RECORDS SUPPLIED:
****************************************

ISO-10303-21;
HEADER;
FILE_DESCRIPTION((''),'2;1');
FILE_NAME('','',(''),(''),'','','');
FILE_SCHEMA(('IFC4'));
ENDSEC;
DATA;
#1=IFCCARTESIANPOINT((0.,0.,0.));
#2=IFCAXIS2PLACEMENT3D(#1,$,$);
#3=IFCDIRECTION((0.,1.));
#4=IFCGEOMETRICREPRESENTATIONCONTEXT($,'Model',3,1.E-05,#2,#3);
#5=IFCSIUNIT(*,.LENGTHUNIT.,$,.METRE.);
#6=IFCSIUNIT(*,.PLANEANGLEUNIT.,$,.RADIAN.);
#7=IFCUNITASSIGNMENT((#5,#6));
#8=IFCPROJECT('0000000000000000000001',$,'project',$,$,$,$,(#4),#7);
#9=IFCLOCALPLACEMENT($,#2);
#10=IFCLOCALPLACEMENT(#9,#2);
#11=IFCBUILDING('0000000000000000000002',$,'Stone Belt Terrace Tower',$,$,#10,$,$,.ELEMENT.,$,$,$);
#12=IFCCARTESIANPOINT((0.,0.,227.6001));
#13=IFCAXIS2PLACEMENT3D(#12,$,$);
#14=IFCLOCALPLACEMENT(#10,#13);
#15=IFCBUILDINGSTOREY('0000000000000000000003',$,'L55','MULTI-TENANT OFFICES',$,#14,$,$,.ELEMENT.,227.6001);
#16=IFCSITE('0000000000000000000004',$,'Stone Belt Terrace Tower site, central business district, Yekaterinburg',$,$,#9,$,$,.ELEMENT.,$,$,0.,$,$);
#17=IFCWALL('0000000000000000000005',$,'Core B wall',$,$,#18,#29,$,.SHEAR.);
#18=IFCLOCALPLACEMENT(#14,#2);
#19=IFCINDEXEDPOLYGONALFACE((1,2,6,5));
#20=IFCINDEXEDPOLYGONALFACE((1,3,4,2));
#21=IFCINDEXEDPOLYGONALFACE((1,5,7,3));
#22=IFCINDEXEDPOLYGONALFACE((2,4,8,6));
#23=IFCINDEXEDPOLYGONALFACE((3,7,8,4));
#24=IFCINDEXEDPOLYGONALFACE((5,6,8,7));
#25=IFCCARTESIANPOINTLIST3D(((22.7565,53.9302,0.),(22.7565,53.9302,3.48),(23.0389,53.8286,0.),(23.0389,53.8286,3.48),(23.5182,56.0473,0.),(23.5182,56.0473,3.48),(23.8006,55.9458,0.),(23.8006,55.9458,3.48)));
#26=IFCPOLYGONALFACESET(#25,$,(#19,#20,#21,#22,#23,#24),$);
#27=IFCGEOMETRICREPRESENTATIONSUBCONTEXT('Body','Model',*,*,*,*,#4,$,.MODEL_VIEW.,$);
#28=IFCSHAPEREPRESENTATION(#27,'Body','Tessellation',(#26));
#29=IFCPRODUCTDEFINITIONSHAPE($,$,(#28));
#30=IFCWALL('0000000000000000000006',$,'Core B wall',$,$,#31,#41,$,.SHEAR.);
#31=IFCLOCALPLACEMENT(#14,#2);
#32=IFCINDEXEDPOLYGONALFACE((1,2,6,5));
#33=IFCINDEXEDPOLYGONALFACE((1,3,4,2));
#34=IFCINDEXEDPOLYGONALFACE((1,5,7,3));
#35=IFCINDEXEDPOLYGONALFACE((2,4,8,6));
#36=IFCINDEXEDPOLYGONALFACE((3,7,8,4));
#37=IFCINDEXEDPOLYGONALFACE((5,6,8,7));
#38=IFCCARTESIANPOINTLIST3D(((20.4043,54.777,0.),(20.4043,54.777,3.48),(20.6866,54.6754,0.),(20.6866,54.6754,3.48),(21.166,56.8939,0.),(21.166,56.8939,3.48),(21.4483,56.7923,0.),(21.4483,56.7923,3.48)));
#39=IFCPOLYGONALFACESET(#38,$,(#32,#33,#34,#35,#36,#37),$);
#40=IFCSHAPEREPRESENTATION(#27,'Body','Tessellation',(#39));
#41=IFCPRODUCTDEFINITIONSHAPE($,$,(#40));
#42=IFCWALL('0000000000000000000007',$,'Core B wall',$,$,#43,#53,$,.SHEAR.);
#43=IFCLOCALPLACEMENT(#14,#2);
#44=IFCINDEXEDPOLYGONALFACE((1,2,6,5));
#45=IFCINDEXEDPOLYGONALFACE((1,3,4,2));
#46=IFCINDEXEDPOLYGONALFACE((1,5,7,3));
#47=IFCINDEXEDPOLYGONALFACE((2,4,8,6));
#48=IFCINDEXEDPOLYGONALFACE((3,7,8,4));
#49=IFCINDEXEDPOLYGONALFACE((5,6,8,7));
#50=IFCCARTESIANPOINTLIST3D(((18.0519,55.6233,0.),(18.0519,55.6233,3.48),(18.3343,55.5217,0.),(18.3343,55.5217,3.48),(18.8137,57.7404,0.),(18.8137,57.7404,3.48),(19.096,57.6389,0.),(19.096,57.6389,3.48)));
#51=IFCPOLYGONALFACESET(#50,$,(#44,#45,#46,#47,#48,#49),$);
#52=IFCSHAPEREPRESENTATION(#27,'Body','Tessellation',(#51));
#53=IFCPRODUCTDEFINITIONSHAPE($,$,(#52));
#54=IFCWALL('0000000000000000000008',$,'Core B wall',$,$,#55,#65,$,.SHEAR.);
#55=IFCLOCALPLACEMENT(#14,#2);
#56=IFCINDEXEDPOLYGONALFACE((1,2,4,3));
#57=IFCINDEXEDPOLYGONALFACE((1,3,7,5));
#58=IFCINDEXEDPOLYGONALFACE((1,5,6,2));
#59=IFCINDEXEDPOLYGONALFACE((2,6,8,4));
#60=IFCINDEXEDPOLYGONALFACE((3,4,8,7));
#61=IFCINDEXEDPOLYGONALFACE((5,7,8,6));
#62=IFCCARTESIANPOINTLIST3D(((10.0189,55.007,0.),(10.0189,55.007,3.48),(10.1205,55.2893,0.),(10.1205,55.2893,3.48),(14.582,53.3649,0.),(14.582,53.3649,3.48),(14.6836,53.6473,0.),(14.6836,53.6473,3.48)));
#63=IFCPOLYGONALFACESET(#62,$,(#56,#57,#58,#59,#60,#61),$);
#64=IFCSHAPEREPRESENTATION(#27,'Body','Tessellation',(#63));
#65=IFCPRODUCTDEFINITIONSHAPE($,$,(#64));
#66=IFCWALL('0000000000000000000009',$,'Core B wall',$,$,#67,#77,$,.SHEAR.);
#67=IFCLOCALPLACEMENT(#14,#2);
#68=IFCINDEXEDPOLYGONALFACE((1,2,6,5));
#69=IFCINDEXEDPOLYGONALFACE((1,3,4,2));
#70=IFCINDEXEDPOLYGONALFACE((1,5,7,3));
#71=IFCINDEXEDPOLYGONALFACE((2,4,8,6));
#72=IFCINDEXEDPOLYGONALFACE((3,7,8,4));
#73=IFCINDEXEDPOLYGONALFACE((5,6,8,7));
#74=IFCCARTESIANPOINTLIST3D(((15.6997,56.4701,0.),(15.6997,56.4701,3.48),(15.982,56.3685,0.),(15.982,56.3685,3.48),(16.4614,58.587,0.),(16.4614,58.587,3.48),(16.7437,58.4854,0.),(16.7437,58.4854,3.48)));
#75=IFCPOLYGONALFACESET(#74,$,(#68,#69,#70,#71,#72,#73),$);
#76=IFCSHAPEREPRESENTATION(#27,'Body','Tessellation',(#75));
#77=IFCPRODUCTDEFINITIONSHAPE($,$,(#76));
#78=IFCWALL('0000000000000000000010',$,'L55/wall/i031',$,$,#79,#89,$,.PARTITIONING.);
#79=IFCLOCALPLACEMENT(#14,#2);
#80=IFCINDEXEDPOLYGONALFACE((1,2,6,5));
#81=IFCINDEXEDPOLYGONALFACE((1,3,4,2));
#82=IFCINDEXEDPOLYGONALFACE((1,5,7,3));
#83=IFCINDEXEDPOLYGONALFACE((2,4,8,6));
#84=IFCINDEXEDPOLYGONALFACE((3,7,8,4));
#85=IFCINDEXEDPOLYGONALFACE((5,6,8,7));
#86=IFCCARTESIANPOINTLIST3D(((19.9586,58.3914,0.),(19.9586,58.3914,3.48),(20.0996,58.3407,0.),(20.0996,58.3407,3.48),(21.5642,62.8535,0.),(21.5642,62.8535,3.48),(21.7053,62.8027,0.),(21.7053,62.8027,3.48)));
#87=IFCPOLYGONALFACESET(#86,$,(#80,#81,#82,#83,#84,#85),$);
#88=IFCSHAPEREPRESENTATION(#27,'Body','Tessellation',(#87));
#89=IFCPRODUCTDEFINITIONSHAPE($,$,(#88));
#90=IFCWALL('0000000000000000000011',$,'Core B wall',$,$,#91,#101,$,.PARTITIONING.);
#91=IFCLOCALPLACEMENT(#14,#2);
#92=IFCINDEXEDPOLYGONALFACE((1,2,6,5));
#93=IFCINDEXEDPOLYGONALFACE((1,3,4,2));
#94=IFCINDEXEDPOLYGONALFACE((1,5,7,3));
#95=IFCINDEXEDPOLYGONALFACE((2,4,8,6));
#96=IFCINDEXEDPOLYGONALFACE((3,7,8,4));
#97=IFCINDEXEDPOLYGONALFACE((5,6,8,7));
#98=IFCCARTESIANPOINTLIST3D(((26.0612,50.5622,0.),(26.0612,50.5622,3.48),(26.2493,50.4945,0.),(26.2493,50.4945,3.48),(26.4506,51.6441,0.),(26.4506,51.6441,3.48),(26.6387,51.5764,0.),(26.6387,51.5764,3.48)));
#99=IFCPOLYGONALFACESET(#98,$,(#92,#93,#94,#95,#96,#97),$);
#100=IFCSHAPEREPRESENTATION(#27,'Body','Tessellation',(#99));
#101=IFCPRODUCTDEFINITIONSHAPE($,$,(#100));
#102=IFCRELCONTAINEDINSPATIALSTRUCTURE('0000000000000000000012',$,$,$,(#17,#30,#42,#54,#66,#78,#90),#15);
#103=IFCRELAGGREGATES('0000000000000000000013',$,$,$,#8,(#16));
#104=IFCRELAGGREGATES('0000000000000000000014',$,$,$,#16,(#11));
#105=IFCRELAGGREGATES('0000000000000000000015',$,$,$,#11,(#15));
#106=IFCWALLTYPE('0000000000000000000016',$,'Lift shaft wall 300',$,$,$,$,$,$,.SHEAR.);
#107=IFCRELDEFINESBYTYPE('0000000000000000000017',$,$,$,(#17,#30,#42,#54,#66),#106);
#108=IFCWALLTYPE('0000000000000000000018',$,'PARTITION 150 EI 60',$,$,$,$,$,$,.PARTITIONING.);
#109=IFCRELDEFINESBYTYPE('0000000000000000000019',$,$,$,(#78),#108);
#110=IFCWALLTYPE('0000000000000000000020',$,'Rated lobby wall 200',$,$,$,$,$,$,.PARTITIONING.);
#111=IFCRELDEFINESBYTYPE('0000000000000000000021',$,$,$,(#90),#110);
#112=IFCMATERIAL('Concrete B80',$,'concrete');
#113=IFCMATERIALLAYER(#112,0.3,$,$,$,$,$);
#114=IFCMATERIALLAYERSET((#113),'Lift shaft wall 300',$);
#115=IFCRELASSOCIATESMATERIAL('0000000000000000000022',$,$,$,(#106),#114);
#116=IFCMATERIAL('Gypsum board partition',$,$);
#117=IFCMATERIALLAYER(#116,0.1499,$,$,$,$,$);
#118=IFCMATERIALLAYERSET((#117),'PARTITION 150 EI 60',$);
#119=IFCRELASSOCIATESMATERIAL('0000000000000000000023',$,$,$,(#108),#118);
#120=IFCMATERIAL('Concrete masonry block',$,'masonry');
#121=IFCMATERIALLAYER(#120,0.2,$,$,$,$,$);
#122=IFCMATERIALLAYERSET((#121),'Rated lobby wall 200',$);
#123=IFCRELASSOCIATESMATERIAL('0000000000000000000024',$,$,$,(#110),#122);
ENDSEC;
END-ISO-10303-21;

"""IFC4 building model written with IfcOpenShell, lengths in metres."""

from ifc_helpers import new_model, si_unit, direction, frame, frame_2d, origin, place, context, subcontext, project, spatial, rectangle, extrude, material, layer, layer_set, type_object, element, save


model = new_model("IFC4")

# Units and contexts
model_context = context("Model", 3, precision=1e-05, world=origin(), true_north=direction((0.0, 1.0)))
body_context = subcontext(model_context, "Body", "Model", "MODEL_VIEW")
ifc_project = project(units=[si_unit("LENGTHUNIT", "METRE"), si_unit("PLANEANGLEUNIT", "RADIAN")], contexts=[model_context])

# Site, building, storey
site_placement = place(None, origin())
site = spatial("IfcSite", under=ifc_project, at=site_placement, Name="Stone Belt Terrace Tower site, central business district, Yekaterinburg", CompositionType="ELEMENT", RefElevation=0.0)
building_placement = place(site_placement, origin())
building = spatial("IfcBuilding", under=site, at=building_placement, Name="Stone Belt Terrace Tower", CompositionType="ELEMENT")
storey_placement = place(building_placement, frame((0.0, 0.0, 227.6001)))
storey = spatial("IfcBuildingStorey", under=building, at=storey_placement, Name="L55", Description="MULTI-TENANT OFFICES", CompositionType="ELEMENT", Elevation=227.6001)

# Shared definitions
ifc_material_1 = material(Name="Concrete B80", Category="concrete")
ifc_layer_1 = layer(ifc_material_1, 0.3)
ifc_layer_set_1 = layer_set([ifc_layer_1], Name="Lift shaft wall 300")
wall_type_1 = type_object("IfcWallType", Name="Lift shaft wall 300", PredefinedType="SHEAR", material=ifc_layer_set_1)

****************************************

Search the data for "IFCRELDEFINESBYTYPE". Copy every line that has it.

EXERCISE RESPONSE:
#107=IFCRELDEFINESBYTYPE('0000000000000000000017',$,$,$,(#17,#30,#42,#54,#66),#106);
#109=IFCRELDEFINESBYTYPE('0000000000000000000019',$,$,$,(#78),#108);
#111=IFCRELDEFINESBYTYPE('0000000000000000000021',$,$,$,(#90),#110);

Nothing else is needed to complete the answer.